- [Record set]:
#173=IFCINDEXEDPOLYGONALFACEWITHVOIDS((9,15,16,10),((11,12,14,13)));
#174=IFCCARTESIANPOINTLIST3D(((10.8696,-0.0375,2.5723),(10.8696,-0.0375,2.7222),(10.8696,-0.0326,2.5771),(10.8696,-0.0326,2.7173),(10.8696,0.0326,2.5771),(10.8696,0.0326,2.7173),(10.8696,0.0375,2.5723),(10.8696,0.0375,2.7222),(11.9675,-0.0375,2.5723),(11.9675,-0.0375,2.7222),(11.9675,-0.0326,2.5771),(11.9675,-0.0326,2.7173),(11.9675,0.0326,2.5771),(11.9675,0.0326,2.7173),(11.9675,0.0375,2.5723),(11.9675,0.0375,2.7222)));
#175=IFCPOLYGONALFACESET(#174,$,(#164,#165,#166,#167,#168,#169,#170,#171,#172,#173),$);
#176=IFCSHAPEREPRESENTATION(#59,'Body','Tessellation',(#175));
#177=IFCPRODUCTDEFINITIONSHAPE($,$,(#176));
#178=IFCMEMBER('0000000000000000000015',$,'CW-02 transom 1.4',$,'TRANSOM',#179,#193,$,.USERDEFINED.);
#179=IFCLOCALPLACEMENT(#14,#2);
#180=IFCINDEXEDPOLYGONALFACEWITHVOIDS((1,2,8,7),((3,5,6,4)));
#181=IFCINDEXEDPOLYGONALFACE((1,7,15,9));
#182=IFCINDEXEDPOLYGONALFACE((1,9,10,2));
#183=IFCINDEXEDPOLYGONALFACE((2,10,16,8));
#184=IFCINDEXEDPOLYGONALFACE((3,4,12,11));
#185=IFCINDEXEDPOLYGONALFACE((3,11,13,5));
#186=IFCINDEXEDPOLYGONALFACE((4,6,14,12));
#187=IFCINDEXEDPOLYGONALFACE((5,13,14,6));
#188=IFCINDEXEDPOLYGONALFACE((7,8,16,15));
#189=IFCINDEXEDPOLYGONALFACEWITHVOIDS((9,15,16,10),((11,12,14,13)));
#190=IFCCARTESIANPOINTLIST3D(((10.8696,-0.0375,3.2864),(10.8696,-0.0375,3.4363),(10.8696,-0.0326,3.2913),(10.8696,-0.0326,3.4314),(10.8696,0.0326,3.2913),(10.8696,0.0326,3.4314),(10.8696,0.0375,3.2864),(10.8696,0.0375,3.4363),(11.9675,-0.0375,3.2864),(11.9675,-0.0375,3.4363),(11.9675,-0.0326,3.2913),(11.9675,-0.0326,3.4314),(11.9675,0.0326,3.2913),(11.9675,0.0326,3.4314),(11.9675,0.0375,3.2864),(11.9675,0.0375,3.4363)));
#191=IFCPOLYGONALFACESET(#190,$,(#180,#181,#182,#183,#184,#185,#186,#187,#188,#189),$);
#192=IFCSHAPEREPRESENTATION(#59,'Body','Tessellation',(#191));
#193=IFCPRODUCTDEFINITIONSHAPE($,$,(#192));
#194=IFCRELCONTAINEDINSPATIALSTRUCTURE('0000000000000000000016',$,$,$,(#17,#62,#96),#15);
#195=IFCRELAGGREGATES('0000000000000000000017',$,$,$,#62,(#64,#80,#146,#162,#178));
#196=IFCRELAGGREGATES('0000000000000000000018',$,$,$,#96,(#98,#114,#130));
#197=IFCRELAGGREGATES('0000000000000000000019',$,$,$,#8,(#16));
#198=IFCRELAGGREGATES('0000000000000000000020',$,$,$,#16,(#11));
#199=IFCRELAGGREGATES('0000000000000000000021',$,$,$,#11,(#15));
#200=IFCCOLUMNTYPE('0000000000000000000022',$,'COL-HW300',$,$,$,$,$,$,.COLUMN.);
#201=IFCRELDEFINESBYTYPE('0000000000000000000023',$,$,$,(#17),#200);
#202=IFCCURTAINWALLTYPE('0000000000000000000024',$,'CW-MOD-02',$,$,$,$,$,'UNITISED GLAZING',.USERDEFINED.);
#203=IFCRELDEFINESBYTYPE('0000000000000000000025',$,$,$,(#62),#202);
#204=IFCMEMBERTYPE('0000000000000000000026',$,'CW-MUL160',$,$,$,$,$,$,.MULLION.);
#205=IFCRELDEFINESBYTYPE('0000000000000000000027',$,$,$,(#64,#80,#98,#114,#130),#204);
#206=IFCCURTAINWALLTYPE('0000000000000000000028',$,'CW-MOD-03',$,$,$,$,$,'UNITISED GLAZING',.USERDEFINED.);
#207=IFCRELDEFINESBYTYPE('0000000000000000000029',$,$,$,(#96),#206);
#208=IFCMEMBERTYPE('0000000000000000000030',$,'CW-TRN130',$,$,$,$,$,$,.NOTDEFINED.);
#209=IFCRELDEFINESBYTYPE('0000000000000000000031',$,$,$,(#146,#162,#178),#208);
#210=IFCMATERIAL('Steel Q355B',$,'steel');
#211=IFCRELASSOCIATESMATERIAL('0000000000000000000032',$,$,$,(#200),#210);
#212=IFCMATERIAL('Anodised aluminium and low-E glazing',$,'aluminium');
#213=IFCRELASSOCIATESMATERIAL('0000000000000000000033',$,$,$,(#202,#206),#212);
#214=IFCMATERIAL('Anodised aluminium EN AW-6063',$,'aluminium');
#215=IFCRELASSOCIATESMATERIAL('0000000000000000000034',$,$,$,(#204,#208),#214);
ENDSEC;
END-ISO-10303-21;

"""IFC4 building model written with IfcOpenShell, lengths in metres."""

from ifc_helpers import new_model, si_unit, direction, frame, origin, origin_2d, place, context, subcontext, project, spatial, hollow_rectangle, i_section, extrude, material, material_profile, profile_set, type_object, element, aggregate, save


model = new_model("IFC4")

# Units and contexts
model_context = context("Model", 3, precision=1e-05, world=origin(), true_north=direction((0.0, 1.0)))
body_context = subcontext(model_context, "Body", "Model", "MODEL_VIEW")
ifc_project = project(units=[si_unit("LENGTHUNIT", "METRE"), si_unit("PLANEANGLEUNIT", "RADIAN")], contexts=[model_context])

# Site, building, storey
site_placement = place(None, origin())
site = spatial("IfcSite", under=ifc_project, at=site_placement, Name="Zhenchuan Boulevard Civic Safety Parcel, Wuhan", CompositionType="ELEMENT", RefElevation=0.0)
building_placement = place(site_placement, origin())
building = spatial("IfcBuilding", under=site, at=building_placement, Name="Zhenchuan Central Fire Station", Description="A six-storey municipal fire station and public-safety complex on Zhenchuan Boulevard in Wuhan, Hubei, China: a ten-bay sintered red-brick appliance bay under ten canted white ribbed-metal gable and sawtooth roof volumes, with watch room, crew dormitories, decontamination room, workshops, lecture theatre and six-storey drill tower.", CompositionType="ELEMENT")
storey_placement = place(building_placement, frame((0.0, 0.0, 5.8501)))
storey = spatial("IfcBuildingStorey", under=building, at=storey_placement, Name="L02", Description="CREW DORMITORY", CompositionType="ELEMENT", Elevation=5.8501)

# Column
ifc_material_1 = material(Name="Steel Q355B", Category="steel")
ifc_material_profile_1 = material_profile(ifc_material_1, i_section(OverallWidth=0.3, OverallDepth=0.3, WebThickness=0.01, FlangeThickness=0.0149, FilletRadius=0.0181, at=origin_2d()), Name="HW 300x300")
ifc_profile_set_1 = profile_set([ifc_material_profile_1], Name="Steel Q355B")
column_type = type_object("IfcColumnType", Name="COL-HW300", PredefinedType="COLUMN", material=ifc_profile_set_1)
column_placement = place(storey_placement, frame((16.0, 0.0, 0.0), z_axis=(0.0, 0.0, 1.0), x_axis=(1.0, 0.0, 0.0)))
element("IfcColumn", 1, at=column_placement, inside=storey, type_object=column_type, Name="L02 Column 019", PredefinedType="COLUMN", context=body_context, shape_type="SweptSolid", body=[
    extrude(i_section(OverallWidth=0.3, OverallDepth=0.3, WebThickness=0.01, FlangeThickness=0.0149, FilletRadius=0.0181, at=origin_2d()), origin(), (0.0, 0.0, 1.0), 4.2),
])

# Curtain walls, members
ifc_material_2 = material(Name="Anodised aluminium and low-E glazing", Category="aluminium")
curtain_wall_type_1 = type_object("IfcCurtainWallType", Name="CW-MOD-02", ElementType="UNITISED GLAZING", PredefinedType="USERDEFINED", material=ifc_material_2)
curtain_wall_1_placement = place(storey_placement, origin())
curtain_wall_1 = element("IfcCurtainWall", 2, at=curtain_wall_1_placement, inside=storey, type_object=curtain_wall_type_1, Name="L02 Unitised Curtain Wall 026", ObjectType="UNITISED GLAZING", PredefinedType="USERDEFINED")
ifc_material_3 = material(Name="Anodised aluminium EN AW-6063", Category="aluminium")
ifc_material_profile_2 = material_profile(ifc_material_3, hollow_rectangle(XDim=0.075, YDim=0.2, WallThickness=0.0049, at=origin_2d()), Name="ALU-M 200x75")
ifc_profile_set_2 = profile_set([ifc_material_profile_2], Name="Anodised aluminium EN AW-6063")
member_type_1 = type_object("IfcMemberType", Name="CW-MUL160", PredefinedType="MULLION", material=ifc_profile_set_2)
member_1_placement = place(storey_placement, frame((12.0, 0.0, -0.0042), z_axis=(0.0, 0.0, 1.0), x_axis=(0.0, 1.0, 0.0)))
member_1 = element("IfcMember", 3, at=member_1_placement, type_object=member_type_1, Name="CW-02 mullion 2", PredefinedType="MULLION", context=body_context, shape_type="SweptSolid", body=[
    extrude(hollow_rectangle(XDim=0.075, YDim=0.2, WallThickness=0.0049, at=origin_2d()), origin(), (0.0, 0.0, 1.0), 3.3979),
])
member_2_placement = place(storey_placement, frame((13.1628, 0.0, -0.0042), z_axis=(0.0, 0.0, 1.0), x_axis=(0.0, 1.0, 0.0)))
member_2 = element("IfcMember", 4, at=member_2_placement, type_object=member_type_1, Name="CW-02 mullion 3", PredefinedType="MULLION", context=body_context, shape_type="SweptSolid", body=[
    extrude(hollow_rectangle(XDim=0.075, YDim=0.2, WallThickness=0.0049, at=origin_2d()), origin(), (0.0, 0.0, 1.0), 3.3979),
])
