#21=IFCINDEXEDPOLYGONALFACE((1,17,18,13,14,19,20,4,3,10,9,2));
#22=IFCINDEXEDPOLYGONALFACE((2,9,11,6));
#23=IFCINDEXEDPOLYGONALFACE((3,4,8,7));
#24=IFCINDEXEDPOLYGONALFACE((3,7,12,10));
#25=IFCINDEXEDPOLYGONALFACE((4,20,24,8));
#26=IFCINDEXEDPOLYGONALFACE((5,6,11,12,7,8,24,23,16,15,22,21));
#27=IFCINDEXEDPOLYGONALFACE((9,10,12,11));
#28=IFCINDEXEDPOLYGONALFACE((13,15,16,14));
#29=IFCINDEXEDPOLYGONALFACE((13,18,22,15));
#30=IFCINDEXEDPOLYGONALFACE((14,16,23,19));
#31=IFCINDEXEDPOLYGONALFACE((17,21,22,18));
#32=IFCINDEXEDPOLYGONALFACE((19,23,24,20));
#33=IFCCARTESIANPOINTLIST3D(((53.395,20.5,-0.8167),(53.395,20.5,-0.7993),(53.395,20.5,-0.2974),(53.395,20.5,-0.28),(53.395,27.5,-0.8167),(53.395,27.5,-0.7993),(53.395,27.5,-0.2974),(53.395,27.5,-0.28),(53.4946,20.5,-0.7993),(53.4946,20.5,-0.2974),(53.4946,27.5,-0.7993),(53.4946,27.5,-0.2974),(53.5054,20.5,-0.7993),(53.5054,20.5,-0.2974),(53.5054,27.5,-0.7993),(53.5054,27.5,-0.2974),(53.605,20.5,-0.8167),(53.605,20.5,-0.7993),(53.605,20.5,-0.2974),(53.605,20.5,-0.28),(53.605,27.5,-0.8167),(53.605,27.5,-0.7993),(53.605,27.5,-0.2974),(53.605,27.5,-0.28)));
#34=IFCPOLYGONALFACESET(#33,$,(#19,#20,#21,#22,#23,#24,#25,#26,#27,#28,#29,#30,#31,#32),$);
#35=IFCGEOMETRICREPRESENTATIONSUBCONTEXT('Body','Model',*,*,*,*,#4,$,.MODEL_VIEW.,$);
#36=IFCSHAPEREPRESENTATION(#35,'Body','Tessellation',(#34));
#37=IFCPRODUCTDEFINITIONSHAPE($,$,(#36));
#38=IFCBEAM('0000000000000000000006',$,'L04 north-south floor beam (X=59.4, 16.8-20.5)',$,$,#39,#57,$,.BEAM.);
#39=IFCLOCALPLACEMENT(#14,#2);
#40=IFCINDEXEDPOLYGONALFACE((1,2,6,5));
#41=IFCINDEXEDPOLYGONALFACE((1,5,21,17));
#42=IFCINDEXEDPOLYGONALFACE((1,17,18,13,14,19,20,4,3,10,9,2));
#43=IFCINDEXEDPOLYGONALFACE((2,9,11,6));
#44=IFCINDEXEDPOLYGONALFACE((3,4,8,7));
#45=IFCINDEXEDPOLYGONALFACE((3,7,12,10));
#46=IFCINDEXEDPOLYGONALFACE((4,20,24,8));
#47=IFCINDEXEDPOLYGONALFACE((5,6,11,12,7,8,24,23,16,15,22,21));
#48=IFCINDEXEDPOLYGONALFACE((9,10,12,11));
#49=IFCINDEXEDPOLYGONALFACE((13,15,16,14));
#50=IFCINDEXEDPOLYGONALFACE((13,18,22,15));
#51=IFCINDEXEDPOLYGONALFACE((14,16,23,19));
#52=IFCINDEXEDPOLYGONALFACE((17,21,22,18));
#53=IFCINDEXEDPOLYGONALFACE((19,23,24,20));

- [What this task involves]: Throughout the data, tally the lines that hold the string "contexts" and report the tally alone.

- [The completed task]: 2